> _ACTIVITY_
Scan the records that follow, and whenever a line has the word "Anodized", copy it.
○ ○ ○
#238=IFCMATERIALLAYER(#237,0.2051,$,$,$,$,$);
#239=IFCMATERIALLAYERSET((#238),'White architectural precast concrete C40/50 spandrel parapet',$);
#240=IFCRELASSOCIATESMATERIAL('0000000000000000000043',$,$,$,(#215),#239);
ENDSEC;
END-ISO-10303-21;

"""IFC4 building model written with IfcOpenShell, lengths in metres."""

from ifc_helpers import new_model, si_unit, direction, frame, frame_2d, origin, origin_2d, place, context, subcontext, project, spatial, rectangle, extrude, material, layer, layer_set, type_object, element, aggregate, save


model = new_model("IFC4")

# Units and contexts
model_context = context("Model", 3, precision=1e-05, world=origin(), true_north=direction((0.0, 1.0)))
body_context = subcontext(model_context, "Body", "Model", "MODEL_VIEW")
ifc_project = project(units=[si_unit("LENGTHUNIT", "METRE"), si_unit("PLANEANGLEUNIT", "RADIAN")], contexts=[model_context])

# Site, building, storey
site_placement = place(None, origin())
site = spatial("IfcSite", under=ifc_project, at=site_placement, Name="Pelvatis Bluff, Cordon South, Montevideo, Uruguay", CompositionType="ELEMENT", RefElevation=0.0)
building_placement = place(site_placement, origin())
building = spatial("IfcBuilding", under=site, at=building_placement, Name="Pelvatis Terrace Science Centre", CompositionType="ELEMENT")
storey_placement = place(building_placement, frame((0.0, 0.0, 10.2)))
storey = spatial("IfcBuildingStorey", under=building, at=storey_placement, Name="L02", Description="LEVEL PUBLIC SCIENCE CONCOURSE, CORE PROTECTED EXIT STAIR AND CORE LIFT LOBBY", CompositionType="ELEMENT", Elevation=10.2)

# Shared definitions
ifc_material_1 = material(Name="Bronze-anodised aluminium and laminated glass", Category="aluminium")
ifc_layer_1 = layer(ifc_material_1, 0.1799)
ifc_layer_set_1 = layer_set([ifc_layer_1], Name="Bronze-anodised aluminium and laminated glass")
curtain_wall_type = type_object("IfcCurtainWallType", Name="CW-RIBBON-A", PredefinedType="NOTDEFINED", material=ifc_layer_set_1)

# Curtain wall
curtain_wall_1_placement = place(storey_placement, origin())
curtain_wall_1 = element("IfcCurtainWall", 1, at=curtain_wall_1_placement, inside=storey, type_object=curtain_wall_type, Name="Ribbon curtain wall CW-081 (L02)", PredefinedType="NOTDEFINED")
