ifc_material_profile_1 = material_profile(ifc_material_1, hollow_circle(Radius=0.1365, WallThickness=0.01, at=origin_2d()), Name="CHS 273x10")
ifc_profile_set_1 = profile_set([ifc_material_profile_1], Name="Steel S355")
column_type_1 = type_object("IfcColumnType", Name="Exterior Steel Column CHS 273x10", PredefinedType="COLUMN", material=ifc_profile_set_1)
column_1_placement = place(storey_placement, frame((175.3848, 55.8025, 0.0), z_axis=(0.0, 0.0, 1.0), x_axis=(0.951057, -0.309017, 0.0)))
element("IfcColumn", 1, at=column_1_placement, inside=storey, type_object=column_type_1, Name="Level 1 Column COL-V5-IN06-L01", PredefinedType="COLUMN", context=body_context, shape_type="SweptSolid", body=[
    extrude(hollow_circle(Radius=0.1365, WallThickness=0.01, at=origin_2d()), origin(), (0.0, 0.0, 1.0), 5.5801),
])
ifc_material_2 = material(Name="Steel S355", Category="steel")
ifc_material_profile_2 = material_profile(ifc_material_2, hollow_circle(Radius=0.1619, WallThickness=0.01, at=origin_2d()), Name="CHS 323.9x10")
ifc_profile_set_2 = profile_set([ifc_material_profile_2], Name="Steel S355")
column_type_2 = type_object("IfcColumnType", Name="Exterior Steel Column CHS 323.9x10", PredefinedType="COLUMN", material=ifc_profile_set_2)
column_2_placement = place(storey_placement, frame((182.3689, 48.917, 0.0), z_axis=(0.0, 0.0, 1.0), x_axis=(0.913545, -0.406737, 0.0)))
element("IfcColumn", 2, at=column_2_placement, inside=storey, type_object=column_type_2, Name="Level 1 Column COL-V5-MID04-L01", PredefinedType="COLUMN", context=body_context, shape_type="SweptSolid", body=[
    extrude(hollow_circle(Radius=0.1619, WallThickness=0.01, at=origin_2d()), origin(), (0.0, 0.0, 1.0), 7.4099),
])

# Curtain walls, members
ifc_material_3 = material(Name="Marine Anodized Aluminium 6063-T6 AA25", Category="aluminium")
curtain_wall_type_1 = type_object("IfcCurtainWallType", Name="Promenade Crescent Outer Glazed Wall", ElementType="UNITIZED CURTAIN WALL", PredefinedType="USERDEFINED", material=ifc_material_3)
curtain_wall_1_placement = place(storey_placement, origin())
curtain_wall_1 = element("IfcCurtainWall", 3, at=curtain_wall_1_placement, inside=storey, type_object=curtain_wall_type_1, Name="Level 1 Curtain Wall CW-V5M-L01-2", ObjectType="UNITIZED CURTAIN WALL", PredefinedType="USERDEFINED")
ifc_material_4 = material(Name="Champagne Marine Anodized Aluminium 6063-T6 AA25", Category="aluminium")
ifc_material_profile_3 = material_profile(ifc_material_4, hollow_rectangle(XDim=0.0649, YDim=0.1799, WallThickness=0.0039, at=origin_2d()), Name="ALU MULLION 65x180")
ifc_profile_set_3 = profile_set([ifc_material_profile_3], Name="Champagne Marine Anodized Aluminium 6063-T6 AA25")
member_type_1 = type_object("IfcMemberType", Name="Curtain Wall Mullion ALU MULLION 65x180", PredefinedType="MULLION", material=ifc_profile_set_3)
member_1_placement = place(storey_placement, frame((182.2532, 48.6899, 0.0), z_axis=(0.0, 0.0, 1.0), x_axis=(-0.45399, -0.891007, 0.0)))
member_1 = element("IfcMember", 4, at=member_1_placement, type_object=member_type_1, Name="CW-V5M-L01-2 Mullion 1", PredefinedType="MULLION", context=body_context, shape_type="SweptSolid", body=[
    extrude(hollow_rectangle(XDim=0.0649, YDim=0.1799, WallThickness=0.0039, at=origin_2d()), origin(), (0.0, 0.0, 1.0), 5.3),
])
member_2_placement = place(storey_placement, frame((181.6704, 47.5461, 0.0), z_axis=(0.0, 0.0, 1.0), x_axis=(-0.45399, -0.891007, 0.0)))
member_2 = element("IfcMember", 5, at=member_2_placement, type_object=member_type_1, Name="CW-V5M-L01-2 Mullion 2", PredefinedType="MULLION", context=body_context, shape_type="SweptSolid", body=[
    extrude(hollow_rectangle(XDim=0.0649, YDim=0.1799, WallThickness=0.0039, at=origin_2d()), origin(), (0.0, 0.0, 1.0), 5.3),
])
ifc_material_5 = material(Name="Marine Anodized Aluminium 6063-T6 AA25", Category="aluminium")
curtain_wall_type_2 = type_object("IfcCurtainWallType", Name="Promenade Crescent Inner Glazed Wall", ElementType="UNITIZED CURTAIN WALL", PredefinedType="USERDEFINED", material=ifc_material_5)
○ ○ ○
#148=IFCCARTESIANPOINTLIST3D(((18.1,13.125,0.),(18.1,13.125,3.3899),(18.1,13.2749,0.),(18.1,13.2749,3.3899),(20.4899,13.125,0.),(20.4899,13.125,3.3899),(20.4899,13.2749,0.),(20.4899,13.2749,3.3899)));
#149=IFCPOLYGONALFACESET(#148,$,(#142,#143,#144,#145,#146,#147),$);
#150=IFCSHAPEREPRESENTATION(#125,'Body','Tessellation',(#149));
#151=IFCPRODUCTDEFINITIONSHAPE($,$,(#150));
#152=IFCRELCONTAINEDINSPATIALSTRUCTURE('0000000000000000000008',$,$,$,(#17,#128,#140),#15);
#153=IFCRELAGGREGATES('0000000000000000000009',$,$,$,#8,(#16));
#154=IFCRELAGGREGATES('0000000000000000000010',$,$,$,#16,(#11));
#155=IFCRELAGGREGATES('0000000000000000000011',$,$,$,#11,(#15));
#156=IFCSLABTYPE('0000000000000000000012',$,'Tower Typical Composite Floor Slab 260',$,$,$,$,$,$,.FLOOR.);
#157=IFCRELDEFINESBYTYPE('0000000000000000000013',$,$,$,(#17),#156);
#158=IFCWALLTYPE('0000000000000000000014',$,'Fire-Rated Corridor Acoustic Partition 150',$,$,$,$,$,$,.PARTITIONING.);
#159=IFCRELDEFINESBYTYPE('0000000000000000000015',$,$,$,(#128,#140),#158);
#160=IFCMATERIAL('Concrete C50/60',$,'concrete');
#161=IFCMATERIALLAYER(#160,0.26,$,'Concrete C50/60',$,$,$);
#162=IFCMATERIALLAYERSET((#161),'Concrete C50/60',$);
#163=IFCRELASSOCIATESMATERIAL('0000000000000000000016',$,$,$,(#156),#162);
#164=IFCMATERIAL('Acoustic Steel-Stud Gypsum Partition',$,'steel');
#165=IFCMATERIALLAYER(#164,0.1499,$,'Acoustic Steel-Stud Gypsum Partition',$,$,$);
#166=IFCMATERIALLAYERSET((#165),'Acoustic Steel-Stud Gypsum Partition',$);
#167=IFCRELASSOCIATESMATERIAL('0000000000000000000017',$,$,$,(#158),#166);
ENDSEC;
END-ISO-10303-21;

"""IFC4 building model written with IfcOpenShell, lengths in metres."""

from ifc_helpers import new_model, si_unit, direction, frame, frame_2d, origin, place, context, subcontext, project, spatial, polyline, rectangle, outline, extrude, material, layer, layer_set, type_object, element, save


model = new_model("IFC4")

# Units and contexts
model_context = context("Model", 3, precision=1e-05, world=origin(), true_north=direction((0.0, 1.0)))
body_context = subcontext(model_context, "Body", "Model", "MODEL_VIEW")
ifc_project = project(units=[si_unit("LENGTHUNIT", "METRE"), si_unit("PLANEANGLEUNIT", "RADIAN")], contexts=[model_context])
○ ○ ○
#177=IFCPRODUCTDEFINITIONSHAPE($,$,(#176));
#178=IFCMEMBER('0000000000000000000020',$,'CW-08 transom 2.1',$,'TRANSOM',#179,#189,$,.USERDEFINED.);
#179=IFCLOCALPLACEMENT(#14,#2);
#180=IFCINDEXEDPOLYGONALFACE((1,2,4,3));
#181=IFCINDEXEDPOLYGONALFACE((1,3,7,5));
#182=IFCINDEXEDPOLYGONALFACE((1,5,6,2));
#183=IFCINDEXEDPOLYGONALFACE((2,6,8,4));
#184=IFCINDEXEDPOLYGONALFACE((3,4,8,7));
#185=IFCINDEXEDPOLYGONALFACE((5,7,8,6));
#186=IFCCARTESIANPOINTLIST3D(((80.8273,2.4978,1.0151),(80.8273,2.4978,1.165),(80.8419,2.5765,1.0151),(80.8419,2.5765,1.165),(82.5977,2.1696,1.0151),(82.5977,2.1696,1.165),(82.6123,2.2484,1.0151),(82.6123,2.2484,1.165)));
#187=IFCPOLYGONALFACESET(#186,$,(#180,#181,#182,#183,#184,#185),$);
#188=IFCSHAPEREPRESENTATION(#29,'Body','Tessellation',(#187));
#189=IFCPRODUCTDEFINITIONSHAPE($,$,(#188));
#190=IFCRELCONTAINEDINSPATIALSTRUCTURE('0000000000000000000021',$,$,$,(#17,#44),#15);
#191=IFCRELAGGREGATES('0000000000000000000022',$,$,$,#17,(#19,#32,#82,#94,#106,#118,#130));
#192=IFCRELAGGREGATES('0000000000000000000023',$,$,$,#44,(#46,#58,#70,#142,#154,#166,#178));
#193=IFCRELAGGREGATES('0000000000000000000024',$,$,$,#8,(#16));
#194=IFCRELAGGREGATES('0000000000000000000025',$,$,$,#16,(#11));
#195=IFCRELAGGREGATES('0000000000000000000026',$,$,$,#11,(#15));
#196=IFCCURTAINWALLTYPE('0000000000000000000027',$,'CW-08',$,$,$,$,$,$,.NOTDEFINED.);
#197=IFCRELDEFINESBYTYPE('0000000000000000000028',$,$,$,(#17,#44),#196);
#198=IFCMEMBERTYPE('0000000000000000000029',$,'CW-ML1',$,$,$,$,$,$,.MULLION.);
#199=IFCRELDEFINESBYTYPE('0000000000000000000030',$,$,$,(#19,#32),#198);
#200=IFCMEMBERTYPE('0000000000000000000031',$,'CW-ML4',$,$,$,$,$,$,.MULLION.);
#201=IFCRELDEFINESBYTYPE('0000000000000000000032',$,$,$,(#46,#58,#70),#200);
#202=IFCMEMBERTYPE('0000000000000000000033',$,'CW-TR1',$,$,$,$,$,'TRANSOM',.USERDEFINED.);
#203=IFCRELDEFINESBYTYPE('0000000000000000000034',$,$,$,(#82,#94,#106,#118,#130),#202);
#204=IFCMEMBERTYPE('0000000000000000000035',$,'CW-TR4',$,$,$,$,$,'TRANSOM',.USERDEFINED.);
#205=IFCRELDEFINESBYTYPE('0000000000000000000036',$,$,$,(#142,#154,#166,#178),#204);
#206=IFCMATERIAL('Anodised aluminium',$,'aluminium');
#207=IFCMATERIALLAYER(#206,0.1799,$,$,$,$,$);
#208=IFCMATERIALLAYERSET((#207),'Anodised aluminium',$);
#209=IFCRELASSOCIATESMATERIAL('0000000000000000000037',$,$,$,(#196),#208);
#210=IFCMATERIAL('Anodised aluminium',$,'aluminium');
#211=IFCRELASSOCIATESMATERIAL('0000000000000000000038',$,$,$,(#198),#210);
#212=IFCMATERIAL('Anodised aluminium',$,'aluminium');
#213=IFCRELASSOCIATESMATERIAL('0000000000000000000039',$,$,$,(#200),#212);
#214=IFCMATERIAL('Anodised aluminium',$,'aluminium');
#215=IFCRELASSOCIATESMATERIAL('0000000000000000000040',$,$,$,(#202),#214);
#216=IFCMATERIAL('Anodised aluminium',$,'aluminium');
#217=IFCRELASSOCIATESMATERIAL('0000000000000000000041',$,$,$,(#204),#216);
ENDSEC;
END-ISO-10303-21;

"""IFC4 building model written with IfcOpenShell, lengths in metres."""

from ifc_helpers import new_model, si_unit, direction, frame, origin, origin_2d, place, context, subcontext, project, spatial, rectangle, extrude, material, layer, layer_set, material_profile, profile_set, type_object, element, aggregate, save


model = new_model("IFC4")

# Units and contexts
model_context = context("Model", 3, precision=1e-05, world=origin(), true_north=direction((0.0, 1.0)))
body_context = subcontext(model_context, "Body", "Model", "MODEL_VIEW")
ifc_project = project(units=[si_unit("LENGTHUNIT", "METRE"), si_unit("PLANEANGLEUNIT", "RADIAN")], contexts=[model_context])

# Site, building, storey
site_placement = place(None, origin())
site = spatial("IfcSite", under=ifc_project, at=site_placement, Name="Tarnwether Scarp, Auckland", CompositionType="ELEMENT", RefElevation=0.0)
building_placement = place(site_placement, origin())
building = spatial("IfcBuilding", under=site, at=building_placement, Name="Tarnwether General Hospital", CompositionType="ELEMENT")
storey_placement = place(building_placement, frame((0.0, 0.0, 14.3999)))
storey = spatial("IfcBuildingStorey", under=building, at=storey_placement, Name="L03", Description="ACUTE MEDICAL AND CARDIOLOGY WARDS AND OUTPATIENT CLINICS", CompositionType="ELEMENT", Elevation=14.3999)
○ ○ ○
> _PROBLEM SOLUTION_
ifc_material_3 = material(Name="Marine Anodized Aluminium 6063-T6 AA25", Category="aluminium")
ifc_material_4 = material(Name="Champagne Marine Anodized Aluminium 6063-T6 AA25", Category="aluminium")
ifc_profile_set_3 = profile_set([ifc_material_profile_3], Name="Champagne Marine Anodized Aluminium 6063-T6 AA25")
ifc_material_5 = material(Name="Marine Anodized Aluminium 6063-T6 AA25", Category="aluminium")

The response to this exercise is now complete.